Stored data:
-*-
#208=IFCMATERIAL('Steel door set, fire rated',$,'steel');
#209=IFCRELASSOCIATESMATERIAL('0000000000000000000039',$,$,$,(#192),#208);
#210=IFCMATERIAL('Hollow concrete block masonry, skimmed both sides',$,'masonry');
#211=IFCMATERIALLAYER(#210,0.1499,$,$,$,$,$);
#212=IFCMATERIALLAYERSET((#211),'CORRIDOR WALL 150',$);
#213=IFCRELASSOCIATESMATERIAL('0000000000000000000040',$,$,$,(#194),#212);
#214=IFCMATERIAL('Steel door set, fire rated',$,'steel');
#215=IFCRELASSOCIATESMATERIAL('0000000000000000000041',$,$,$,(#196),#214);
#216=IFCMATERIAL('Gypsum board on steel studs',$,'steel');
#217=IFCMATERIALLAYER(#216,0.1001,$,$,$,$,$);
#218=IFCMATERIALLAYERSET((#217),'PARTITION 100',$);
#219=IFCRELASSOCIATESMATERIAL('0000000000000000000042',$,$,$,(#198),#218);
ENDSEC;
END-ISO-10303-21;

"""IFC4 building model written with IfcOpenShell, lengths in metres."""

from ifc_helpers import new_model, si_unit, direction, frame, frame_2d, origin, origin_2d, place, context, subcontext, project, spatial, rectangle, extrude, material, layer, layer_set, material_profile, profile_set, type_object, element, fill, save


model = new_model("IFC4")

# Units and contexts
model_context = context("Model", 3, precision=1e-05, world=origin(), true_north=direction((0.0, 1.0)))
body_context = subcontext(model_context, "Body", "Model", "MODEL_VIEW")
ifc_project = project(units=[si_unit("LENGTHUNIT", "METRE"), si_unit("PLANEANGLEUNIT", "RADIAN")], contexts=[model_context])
-*-
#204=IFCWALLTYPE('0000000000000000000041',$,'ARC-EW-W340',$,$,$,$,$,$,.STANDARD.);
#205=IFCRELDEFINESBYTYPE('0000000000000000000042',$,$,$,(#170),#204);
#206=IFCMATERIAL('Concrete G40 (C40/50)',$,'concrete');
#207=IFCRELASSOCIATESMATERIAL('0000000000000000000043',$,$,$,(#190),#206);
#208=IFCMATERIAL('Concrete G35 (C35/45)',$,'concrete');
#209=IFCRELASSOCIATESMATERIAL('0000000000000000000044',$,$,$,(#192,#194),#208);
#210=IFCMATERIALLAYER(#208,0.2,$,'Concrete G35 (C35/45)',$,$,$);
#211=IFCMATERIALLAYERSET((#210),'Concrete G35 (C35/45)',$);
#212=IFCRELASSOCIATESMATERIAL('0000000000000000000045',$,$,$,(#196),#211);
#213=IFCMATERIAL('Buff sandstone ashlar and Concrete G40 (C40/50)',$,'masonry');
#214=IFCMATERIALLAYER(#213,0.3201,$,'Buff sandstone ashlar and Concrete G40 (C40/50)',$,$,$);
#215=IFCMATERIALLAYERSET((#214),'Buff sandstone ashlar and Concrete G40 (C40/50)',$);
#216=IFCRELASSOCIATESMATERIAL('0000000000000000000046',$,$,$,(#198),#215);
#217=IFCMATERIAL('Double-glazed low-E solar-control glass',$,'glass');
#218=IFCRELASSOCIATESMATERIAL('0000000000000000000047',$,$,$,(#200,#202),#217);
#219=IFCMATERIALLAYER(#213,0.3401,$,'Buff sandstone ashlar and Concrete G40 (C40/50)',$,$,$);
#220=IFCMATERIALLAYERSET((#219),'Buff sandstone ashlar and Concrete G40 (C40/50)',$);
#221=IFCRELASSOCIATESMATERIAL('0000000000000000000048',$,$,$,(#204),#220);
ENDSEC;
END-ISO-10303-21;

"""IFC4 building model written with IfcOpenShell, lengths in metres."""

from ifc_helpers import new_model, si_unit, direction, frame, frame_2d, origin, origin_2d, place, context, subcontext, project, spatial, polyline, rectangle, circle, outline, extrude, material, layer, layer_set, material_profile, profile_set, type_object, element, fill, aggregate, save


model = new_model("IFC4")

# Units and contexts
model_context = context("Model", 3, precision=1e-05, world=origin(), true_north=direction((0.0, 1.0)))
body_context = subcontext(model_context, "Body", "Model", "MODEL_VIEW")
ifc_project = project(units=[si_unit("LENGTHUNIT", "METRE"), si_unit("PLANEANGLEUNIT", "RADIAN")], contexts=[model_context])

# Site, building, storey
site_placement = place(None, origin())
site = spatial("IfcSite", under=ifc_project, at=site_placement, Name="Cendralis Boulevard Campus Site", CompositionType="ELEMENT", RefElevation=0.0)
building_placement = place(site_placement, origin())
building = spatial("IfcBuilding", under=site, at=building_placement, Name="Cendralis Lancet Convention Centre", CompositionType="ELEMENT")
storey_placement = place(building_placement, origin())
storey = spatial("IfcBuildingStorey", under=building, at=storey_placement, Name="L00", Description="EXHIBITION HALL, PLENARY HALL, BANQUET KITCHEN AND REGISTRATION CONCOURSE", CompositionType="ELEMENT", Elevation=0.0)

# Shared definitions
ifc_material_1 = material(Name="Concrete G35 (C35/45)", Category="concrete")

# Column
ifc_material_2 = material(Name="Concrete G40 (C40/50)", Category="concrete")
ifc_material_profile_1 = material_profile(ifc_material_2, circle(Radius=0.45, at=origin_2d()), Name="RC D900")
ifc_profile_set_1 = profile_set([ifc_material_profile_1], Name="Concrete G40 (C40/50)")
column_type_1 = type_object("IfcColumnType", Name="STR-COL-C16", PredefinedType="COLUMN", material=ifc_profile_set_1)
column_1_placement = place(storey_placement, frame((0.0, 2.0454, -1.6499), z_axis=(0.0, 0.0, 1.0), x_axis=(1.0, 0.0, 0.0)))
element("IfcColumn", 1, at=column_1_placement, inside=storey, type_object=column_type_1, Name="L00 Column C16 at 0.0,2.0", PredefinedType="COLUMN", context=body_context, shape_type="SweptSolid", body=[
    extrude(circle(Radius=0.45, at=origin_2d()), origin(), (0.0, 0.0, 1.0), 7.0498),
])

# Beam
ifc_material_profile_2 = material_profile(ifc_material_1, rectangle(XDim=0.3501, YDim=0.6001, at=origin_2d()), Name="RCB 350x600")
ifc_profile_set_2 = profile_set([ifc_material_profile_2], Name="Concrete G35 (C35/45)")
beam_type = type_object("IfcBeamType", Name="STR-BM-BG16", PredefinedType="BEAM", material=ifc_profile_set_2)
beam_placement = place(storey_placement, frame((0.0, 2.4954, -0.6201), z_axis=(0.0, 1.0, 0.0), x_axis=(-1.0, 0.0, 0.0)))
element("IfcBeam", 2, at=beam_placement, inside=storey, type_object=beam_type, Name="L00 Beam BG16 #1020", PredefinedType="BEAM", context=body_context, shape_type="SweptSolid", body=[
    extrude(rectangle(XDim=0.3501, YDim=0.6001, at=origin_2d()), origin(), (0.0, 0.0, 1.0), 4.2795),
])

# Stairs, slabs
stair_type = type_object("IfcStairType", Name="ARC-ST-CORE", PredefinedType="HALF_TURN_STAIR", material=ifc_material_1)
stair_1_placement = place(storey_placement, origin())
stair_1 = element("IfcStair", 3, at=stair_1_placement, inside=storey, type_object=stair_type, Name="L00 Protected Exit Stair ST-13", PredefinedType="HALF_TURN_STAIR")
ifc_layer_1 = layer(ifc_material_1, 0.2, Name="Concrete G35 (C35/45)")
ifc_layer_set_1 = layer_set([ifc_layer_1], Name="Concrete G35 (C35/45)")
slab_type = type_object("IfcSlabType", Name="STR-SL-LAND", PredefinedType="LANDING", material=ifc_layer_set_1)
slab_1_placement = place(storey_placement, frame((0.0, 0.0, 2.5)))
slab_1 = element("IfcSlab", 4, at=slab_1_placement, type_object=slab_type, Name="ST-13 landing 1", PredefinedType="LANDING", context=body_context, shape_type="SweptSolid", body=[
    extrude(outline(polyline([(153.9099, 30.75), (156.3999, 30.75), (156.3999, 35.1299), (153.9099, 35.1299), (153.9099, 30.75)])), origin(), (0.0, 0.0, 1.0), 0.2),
-*-
Work required:
Look above for the line that contains "# Site, building, storey". Starting there, transcribe every line exactly until you have copied the line that contains "# Shared definitions".

Answer below:
# Site, building, storey
site_placement = place(None, origin())
site = spatial("IfcSite", under=ifc_project, at=site_placement, Name="Cendralis Boulevard Campus Site", CompositionType="ELEMENT", RefElevation=0.0)
building_placement = place(site_placement, origin())
building = spatial("IfcBuilding", under=site, at=building_placement, Name="Cendralis Lancet Convention Centre", CompositionType="ELEMENT")
storey_placement = place(building_placement, origin())
storey = spatial("IfcBuildingStorey", under=building, at=storey_placement, Name="L00", Description="EXHIBITION HALL, PLENARY HALL, BANQUET KITCHEN AND REGISTRATION CONCOURSE", CompositionType="ELEMENT", Elevation=0.0)

# Shared definitions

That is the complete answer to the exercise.